[[ Data records open ]]

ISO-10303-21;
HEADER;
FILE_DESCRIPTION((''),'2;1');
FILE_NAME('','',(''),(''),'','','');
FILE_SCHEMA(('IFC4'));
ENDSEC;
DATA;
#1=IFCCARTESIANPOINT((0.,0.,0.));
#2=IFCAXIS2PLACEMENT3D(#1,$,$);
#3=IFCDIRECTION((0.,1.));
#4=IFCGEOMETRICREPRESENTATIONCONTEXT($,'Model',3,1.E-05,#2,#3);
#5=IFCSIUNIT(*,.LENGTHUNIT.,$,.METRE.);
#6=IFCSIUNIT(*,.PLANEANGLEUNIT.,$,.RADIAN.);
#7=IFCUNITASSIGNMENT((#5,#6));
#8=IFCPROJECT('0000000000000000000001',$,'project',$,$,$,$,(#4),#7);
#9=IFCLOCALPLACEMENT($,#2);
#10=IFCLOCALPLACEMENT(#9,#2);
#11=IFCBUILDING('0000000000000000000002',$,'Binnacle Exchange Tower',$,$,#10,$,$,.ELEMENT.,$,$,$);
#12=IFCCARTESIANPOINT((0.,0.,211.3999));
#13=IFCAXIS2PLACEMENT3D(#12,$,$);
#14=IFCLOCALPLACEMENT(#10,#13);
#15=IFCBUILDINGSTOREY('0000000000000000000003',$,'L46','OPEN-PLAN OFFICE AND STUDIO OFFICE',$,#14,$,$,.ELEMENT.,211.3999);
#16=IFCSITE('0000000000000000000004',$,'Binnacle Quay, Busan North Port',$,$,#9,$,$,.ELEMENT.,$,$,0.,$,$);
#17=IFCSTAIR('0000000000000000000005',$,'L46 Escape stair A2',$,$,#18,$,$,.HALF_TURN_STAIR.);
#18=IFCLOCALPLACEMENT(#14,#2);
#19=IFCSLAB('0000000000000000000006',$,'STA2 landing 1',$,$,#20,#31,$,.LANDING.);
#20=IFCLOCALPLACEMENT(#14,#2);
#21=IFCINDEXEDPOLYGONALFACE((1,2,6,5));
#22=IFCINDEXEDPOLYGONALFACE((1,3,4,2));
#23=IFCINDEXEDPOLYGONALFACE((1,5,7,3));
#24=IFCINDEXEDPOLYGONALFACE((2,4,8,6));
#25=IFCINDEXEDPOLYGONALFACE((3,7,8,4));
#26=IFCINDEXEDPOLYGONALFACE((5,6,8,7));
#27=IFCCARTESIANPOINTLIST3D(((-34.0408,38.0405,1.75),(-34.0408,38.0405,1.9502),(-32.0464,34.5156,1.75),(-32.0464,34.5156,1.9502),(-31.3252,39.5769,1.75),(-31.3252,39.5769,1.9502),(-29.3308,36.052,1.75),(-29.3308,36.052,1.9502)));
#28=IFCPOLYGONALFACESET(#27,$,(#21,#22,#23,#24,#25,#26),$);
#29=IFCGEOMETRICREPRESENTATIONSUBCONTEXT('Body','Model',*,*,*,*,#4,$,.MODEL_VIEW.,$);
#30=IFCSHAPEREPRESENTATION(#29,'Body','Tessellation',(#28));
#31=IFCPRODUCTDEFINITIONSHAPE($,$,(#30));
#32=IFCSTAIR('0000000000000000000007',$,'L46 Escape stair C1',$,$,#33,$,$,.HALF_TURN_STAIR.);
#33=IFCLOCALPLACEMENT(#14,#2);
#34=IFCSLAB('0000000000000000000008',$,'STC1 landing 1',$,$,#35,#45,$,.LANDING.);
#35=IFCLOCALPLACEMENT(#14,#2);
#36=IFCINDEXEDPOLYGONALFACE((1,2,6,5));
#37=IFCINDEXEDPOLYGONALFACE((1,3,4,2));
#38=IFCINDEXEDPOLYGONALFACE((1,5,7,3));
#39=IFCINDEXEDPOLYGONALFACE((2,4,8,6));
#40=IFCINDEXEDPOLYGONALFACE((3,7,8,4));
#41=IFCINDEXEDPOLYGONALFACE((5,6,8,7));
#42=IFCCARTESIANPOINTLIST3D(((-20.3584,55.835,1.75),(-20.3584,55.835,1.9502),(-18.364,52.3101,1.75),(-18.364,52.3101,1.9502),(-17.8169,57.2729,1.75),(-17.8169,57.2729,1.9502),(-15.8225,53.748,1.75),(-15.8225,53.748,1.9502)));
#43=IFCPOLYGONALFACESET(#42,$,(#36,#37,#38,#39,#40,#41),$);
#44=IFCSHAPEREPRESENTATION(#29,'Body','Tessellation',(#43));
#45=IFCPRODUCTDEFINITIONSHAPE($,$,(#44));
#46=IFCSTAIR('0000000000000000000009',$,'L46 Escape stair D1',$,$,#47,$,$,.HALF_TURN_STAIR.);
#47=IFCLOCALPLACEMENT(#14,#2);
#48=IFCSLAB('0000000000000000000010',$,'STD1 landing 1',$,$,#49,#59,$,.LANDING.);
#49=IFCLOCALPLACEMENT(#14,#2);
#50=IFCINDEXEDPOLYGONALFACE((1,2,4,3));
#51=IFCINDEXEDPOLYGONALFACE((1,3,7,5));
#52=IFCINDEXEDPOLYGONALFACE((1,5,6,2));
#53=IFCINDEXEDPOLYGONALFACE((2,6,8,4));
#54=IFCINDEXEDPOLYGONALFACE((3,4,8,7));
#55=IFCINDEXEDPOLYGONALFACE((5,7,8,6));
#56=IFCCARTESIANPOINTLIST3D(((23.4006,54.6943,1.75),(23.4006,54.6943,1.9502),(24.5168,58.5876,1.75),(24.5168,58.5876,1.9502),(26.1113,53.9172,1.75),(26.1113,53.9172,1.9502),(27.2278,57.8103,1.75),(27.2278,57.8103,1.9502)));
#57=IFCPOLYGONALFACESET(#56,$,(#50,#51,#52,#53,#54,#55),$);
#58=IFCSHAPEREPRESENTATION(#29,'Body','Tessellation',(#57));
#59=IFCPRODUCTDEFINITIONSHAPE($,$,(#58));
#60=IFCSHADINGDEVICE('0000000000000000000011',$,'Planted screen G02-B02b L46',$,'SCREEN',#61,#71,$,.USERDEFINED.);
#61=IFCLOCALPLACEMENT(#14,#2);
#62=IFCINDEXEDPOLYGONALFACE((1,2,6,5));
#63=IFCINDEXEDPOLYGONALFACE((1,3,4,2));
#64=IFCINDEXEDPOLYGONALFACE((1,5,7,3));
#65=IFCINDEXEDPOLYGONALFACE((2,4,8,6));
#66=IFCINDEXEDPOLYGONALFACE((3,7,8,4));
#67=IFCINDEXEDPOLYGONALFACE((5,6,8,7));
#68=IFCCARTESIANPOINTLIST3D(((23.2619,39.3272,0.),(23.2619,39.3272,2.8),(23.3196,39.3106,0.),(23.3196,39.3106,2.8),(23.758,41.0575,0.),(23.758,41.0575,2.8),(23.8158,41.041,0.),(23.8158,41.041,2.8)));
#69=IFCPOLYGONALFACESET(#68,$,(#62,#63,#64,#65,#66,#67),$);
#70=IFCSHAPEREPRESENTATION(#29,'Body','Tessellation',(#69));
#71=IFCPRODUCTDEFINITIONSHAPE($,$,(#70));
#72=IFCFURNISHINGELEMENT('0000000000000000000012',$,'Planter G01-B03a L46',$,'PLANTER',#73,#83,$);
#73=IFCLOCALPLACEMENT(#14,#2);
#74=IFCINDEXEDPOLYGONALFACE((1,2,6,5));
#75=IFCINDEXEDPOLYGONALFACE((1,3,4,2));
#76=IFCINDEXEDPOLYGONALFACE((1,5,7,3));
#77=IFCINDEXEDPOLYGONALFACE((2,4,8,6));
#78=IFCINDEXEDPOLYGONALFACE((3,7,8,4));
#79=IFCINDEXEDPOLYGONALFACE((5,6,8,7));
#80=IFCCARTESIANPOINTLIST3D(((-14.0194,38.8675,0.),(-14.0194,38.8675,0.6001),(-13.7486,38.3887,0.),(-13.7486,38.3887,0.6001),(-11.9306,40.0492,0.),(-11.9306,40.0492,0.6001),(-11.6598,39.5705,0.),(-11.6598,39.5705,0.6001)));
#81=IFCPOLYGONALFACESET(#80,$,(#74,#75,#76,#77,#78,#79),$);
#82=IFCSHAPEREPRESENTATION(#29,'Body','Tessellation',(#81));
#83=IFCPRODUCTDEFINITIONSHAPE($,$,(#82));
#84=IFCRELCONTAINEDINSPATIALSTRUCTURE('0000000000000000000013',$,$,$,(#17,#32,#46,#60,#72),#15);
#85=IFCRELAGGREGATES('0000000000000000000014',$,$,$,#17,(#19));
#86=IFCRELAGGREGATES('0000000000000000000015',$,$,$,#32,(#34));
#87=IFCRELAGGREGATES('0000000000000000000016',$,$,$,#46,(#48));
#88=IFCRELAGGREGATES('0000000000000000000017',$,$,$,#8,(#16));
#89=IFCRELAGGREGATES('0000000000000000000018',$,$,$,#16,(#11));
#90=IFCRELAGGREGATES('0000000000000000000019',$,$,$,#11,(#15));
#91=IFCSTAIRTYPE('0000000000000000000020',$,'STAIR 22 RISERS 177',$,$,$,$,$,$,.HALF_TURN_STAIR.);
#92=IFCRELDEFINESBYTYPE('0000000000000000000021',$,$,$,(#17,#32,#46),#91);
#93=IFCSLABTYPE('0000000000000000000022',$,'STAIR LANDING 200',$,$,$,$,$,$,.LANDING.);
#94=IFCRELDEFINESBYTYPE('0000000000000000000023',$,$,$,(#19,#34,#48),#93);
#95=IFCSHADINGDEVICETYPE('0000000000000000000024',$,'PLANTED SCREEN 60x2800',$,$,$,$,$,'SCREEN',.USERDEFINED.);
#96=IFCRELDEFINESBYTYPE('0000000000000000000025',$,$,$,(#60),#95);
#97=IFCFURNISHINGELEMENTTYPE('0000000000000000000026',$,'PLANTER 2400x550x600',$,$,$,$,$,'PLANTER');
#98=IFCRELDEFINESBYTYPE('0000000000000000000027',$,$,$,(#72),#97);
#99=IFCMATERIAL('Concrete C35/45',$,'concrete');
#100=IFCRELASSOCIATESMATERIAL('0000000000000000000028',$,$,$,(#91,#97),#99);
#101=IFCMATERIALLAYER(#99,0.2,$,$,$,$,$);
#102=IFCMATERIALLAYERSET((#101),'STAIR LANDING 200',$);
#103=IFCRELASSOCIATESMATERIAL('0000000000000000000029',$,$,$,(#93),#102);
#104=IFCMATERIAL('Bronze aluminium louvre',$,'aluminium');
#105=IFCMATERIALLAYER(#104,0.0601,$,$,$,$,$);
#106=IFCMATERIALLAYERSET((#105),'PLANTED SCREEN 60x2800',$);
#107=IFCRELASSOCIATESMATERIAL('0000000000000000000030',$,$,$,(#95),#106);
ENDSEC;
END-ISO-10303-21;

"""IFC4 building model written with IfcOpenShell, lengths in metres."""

from ifc_helpers import new_model, si_unit, direction, frame, origin, origin_2d, place, context, subcontext, project, spatial, polyline, rectangle, outline, extrude, material, layer, layer_set, type_object, element, aggregate, save


model = new_model("IFC4")

# Units and contexts
model_context = context("Model", 3, precision=1e-05, world=origin(), true_north=direction((0.0, 1.0)))
body_context = subcontext(model_context, "Body", "Model", "MODEL_VIEW")
ifc_project = project(units=[si_unit("LENGTHUNIT", "METRE"), si_unit("PLANEANGLEUNIT", "RADIAN")], contexts=[model_context])

# Site, building, storey
site_placement = place(None, origin())
site = spatial("IfcSite", under=ifc_project, at=site_placement, Name="Binnacle Quay, Busan North Port", CompositionType="ELEMENT", RefElevation=0.0)
building_placement = place(site_placement, origin())
building = spatial("IfcBuilding", under=site, at=building_placement, Name="Binnacle Exchange Tower", CompositionType="ELEMENT")
storey_placement = place(building_placement, frame((0.0, 0.0, 211.3999)))
storey = spatial("IfcBuildingStorey", under=building, at=storey_placement, Name="L46", Description="OPEN-PLAN OFFICE AND STUDIO OFFICE", CompositionType="ELEMENT", Elevation=211.3999)

# Shared definitions
ifc_material_1 = material(Name="Concrete C35/45", Category="concrete")

# Stairs, slabs
stair_type = type_object("IfcStairType", Name="STAIR 22 RISERS 177", PredefinedType="HALF_TURN_STAIR", material=ifc_material_1)
ifc_layer_1 = layer(ifc_material_1, 0.2)
ifc_layer_set_1 = layer_set([ifc_layer_1], Name="STAIR LANDING 200")
slab_type_1 = type_object("IfcSlabType", Name="STAIR LANDING 200", PredefinedType="LANDING", material=ifc_layer_set_1)
stair_1_placement = place(storey_placement, origin())
stair_1 = element("IfcStair", 1, at=stair_1_placement, inside=storey, type_object=stair_type, Name="L46 Escape stair A2", PredefinedType="HALF_TURN_STAIR")
slab_1_placement = place(storey_placement, frame((0.0, 0.0, 1.75)))
slab_1 = element("IfcSlab", 2, at=slab_1_placement, type_object=slab_type_1, Name="STA2 landing 1", PredefinedType="LANDING", context=body_context, shape_type="SweptSolid", body=[
    extrude(outline(polyline([(-31.3252, 39.5769), (-34.0408, 38.0405), (-32.0464, 34.5156), (-29.3308, 36.052), (-31.3252, 39.5769)])), origin(), (0.0, 0.0, 1.0), 0.2002),
])
aggregate(stair_1, [slab_1])
stair_2_placement = place(storey_placement, origin())
stair_2 = element("IfcStair", 3, at=stair_2_placement, inside=storey, type_object=stair_type, Name="L46 Escape stair C1", PredefinedType="HALF_TURN_STAIR")
slab_2_placement = place(storey_placement, frame((0.0, 0.0, 1.75)))
slab_2 = element("IfcSlab", 4, at=slab_2_placement, type_object=slab_type_1, Name="STC1 landing 1", PredefinedType="LANDING", context=body_context, shape_type="SweptSolid", body=[
    extrude(outline(polyline([(-18.364, 52.3101), (-15.8225, 53.748), (-17.8169, 57.2729), (-20.3584, 55.835), (-18.364, 52.3101)])), origin(), (0.0, 0.0, 1.0), 0.2002),
])
aggregate(stair_2, [slab_2])
stair_3_placement = place(storey_placement, origin())
stair_3 = element("IfcStair", 5, at=stair_3_placement, inside=storey, type_object=stair_type, Name="L46 Escape stair D1", PredefinedType="HALF_TURN_STAIR")
slab_3_placement = place(storey_placement, frame((0.0, 0.0, 1.75)))
slab_3 = element("IfcSlab", 6, at=slab_3_placement, type_object=slab_type_1, Name="STD1 landing 1", PredefinedType="LANDING", context=body_context, shape_type="SweptSolid", body=[
    extrude(outline(polyline([(23.4006, 54.6943), (26.1113, 53.9172), (27.2278, 57.8103), (24.5168, 58.5876), (23.4006, 54.6943)])), origin(), (0.0, 0.0, 1.0), 0.2002),
])
aggregate(stair_3, [slab_3])

# Shading device
ifc_material_2 = material(Name="Bronze aluminium louvre", Category="aluminium")
ifc_layer_2 = layer(ifc_material_2, 0.0601)
ifc_layer_set_2 = layer_set([ifc_layer_2], Name="PLANTED SCREEN 60x2800")
shading_device_type = type_object("IfcShadingDeviceType", Name="PLANTED SCREEN 60x2800", ElementType="SCREEN", PredefinedType="USERDEFINED", material=ifc_layer_set_2)
shading_device_placement = place(storey_placement, frame((23.5388, 40.1841, 0.0), z_axis=(0.0, 0.0, 1.0), x_axis=(0.961262, -0.275637, 0.0)))
element("IfcShadingDevice", 7, at=shading_device_placement, inside=storey, type_object=shading_device_type, Name="Planted screen G02-B02b L46", ObjectType="SCREEN", PredefinedType="USERDEFINED", context=body_context, shape_type="SweptSolid", body=[
    extrude(rectangle(XDim=0.0601, YDim=1.8, at=origin_2d()), origin(), (0.0, 0.0, 1.0), 2.8),
])

# Furnishing element
furnishing_element_type = type_object("IfcFurnishingElementType", Name="PLANTER 2400x550x600", ElementType="PLANTER", material=ifc_material_1)
furnishing_placement = place(storey_placement, frame((-12.8396, 39.219, 0.0), z_axis=(0.0, 0.0, 1.0), x_axis=(0.870356, 0.492424, 0.0)))
element("IfcFurnishingElement", 8, at=furnishing_placement, inside=storey, type_object=furnishing_element_type, Name="Planter G01-B03a L46", ObjectType="PLANTER", context=body_context, shape_type="SweptSolid", body=[
    extrude(rectangle(XDim=2.3999, YDim=0.55, at=origin_2d()), origin(), (0.0, 0.0, 1.0), 0.6001),
])

save(model, "model.ifc")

[[ Data records closed ]]

(The task) Find the lines in the entries above where "IFCRELASSOCIATESMATERIAL" occurs, and copy each of them.

(Task result)
#100=IFCRELASSOCIATESMATERIAL('0000000000000000000028',$,$,$,(#91,#97),#99);
#103=IFCRELASSOCIATESMATERIAL('0000000000000000000029',$,$,$,(#93),#102);
#107=IFCRELASSOCIATESMATERIAL('0000000000000000000030',$,$,$,(#95),#106);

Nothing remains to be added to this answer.